> _WORK TO COMPLETE_
Copy exactly the lines of the material below that run from the one containing "#139=IFCINDEXEDPOLYGONALFACE((5,7,43,41));" through the one containing "#147=IFCINDEXEDPOLYGONALFACE((13,17,53,49));". Copy no other lines.

> _DATA FOR THIS TASK_
-----

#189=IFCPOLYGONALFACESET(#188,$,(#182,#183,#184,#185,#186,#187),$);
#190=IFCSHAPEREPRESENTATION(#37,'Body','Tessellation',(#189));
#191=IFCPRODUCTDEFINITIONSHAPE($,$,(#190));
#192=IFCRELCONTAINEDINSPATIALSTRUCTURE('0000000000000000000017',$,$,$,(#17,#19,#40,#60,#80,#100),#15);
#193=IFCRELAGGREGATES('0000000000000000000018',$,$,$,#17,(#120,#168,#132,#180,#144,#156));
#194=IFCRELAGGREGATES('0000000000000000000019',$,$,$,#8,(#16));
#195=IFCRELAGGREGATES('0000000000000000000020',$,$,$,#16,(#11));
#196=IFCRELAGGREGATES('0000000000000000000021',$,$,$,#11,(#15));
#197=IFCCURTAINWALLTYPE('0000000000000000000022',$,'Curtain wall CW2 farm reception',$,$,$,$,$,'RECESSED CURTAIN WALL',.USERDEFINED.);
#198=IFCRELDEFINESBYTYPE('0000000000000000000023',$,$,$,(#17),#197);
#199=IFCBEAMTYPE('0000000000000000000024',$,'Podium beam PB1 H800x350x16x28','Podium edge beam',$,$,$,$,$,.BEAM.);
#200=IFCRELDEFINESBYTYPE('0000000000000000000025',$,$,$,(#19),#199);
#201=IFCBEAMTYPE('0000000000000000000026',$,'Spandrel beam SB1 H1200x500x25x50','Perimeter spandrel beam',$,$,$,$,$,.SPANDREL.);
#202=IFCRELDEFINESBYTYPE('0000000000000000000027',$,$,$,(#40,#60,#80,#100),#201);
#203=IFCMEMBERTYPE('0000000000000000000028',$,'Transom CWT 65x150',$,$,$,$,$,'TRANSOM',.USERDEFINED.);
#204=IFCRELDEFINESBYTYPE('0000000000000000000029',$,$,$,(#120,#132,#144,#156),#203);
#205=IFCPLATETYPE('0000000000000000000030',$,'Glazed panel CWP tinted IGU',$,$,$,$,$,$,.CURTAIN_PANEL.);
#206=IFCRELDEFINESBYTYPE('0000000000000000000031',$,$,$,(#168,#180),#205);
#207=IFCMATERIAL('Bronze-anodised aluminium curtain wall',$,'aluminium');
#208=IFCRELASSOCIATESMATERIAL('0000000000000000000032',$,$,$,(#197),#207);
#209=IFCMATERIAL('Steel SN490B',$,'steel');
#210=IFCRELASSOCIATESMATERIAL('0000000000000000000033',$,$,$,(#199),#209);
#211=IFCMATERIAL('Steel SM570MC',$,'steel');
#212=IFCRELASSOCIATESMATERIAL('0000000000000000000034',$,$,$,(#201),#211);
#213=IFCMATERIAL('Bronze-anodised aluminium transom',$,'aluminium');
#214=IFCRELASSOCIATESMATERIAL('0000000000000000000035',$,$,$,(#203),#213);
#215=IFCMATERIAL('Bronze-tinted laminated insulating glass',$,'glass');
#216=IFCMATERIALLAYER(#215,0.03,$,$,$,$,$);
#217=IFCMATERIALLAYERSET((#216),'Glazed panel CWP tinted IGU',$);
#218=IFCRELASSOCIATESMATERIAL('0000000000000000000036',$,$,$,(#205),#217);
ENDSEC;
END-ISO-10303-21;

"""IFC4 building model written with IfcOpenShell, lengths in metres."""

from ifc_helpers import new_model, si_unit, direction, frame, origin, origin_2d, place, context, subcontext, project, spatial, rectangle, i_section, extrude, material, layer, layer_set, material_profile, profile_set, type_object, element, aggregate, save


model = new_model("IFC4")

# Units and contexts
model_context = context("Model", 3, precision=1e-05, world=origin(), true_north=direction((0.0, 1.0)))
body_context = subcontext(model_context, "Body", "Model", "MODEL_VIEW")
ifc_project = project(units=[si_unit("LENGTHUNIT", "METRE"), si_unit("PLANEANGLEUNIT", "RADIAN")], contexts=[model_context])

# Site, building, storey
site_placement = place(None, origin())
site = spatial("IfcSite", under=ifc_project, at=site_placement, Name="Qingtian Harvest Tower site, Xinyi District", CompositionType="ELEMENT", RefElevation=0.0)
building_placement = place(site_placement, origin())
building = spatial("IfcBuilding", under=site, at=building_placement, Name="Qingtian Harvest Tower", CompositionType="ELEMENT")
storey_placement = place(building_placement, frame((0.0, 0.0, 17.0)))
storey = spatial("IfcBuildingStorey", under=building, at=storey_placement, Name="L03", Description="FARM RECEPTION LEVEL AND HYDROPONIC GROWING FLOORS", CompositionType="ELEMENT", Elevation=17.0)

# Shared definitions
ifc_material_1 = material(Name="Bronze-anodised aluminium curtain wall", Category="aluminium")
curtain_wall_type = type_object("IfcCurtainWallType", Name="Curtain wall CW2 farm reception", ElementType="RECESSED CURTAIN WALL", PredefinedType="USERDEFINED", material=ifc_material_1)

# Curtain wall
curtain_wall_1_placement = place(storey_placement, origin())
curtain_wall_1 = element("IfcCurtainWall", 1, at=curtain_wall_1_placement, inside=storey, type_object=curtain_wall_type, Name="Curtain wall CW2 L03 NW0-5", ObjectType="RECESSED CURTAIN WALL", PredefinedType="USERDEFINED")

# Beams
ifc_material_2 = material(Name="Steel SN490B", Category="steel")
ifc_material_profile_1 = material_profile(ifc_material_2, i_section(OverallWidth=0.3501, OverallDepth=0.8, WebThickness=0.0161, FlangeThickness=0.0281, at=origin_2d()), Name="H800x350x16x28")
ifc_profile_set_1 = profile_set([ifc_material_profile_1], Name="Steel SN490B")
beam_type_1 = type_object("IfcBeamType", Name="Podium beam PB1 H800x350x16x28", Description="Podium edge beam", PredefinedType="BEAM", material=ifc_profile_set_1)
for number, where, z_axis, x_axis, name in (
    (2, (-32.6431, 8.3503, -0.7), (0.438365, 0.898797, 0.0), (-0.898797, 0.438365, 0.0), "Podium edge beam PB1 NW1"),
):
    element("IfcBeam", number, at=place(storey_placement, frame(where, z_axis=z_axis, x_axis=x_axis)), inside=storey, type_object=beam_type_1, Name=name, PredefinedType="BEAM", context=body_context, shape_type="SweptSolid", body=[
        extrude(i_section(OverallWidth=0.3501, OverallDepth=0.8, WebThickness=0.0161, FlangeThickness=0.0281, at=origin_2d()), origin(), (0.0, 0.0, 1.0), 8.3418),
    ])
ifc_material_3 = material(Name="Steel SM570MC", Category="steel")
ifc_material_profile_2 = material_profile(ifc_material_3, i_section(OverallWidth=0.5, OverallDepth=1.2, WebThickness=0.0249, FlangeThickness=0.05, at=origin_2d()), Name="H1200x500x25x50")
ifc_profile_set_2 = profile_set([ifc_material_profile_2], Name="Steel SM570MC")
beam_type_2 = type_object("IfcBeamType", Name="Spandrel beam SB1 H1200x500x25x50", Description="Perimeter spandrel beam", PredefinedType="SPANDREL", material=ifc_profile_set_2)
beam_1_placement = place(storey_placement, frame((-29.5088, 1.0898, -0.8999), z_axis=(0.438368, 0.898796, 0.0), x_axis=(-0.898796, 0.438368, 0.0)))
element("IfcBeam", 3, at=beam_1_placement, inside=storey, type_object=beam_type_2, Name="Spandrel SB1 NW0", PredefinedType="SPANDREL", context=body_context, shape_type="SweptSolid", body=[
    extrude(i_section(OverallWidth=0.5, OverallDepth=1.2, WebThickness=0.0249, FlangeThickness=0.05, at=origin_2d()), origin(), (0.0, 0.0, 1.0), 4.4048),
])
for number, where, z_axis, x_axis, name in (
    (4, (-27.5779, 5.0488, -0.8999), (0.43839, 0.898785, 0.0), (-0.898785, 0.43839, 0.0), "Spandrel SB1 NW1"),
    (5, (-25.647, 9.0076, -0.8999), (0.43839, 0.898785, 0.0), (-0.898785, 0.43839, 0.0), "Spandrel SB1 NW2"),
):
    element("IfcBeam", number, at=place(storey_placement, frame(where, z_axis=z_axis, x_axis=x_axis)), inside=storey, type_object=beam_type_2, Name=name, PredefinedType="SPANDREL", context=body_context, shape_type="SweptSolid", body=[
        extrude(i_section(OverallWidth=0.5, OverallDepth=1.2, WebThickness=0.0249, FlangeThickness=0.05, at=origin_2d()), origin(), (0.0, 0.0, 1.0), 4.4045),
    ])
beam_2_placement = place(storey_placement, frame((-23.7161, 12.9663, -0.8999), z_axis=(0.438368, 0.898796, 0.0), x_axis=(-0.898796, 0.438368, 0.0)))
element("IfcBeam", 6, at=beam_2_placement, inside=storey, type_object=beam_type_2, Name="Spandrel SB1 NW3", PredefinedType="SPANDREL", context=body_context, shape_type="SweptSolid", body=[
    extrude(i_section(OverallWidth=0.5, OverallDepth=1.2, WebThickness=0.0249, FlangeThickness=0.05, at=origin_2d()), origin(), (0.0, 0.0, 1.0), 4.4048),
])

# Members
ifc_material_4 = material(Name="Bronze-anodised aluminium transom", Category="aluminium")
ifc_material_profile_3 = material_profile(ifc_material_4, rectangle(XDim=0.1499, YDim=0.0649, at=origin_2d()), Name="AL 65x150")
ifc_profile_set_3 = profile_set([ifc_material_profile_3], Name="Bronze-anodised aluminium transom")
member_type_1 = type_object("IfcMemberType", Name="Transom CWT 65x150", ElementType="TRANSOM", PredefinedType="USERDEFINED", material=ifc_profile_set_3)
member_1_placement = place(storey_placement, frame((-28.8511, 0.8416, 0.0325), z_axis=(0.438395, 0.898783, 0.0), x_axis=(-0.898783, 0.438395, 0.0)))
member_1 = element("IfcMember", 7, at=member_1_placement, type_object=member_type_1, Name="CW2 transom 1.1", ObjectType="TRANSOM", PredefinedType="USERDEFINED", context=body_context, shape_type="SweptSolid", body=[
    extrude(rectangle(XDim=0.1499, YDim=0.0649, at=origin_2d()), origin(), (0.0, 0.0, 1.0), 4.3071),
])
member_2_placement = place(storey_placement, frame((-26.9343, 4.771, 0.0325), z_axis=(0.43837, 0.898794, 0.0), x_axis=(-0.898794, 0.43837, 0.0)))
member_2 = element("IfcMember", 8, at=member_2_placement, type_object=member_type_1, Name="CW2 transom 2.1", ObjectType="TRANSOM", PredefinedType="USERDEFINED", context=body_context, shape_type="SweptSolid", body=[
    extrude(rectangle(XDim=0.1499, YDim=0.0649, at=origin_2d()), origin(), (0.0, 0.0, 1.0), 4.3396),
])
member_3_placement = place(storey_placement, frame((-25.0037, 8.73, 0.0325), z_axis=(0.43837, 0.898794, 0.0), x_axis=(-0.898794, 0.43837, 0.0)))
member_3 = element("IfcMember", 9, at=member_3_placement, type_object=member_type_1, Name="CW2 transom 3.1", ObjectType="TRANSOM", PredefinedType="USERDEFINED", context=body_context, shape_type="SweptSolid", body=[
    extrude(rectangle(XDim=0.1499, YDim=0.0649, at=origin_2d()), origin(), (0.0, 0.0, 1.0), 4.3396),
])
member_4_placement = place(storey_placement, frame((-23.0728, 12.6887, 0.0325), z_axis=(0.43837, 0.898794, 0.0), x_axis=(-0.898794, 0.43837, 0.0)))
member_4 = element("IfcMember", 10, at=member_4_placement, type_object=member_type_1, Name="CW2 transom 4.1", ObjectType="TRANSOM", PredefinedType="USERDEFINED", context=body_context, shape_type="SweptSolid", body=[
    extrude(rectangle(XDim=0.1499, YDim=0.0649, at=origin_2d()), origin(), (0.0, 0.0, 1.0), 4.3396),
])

-----

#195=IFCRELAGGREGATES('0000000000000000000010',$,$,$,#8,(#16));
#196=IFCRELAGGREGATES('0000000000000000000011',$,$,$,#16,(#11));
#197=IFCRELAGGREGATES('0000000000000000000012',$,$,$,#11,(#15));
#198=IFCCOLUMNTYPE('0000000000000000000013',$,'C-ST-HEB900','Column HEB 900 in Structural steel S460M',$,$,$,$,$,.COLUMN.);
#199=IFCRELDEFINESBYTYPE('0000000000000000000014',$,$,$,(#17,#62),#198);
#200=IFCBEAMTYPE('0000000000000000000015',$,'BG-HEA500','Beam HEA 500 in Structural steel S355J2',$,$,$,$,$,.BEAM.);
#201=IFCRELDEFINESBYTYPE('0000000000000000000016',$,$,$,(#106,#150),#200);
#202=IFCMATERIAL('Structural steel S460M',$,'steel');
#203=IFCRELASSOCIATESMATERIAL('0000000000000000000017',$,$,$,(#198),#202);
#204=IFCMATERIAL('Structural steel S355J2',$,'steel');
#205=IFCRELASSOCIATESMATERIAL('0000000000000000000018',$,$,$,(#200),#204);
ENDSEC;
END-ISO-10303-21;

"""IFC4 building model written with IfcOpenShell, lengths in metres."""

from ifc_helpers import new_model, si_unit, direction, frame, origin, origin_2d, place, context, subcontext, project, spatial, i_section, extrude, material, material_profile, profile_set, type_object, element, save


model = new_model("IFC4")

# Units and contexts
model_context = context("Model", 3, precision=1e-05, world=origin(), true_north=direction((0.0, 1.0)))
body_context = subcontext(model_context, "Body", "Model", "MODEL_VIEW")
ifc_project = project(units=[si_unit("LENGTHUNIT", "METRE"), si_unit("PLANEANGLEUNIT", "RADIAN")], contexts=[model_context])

-----

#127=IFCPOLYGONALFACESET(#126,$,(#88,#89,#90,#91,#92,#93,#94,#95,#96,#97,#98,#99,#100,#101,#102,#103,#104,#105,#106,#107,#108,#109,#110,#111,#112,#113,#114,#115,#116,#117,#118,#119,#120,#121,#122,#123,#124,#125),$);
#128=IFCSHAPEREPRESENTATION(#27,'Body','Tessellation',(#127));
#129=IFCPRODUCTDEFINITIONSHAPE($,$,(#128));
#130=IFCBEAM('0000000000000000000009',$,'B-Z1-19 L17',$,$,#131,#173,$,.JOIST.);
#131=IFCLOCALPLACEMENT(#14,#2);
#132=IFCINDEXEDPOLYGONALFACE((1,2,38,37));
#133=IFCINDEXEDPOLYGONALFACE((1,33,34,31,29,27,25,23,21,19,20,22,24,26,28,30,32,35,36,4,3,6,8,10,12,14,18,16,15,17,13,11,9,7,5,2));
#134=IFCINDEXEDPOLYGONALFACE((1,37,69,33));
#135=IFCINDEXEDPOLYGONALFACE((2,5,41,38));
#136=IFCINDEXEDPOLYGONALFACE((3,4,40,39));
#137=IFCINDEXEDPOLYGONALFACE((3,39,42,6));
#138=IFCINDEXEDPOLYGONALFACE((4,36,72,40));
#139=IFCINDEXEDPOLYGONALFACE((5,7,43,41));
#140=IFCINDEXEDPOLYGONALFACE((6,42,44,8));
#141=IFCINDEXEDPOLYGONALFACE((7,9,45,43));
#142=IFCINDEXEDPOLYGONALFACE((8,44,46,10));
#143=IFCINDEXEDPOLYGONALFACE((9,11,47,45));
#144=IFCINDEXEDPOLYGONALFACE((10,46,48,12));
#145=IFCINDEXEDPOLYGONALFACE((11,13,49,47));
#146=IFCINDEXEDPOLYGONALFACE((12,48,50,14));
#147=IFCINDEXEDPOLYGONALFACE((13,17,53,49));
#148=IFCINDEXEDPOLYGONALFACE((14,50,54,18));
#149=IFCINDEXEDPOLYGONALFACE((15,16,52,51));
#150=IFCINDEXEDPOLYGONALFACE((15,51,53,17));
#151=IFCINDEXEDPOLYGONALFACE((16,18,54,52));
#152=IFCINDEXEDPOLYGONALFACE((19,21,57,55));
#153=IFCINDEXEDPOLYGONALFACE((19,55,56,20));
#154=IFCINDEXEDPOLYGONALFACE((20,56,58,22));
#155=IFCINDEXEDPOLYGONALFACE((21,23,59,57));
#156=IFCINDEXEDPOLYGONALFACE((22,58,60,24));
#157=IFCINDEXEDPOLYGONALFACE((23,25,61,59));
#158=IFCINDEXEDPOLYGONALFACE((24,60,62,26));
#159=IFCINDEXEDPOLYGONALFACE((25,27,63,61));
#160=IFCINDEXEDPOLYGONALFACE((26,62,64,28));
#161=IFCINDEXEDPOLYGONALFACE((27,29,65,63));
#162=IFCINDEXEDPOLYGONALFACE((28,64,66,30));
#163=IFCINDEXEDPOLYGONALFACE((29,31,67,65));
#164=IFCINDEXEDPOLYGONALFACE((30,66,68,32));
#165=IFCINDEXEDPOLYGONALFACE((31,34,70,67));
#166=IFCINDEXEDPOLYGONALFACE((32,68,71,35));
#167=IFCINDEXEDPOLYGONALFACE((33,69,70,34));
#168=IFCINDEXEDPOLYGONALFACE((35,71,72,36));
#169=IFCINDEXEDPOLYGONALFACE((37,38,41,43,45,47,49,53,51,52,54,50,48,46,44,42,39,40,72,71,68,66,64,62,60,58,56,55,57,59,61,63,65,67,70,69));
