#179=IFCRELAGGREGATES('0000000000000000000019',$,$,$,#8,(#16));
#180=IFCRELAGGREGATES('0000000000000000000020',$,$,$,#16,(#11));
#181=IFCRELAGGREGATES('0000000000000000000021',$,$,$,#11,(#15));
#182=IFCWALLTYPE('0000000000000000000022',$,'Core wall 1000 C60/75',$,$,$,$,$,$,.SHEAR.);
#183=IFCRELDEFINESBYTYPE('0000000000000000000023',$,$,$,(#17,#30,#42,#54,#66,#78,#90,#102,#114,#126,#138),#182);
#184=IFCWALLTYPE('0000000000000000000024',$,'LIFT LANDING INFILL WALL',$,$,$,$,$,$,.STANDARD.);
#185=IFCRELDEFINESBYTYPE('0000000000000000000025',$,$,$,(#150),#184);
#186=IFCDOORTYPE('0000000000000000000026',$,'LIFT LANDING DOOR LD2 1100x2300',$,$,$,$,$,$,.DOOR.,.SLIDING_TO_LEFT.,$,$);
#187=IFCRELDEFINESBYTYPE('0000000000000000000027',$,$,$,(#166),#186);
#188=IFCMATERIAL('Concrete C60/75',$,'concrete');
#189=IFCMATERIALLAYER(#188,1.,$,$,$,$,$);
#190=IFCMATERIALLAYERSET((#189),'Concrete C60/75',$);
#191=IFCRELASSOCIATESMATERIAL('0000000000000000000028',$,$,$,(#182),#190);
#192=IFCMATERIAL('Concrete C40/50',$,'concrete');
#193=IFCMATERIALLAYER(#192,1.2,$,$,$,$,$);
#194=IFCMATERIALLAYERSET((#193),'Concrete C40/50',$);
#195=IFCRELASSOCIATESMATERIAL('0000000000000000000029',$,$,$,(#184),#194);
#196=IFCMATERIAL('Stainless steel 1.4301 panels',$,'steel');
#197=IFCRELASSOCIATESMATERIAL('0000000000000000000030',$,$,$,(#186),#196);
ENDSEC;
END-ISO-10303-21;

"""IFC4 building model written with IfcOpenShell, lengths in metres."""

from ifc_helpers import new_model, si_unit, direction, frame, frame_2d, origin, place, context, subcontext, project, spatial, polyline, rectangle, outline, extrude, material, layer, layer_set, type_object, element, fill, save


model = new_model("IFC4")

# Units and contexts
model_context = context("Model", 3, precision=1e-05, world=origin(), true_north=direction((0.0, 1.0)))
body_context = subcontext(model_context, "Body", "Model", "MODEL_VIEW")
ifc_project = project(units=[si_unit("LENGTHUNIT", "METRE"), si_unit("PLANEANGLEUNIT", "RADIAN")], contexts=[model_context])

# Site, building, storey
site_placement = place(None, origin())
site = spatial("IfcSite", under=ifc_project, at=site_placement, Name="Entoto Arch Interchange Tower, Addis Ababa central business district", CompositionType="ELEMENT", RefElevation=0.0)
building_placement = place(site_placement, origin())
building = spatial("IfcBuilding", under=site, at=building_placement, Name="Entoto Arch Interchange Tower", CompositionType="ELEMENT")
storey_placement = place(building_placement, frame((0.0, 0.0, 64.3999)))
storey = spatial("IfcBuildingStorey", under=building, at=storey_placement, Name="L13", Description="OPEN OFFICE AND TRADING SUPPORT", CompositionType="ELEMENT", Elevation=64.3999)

-----

> _RESPONSE AREA_
#139=IFCINDEXEDPOLYGONALFACE((5,7,43,41));
#140=IFCINDEXEDPOLYGONALFACE((6,42,44,8));
#141=IFCINDEXEDPOLYGONALFACE((7,9,45,43));
#142=IFCINDEXEDPOLYGONALFACE((8,44,46,10));
#143=IFCINDEXEDPOLYGONALFACE((9,11,47,45));
#144=IFCINDEXEDPOLYGONALFACE((10,46,48,12));
#145=IFCINDEXEDPOLYGONALFACE((11,13,49,47));
#146=IFCINDEXEDPOLYGONALFACE((12,48,50,14));
#147=IFCINDEXEDPOLYGONALFACE((13,17,53,49));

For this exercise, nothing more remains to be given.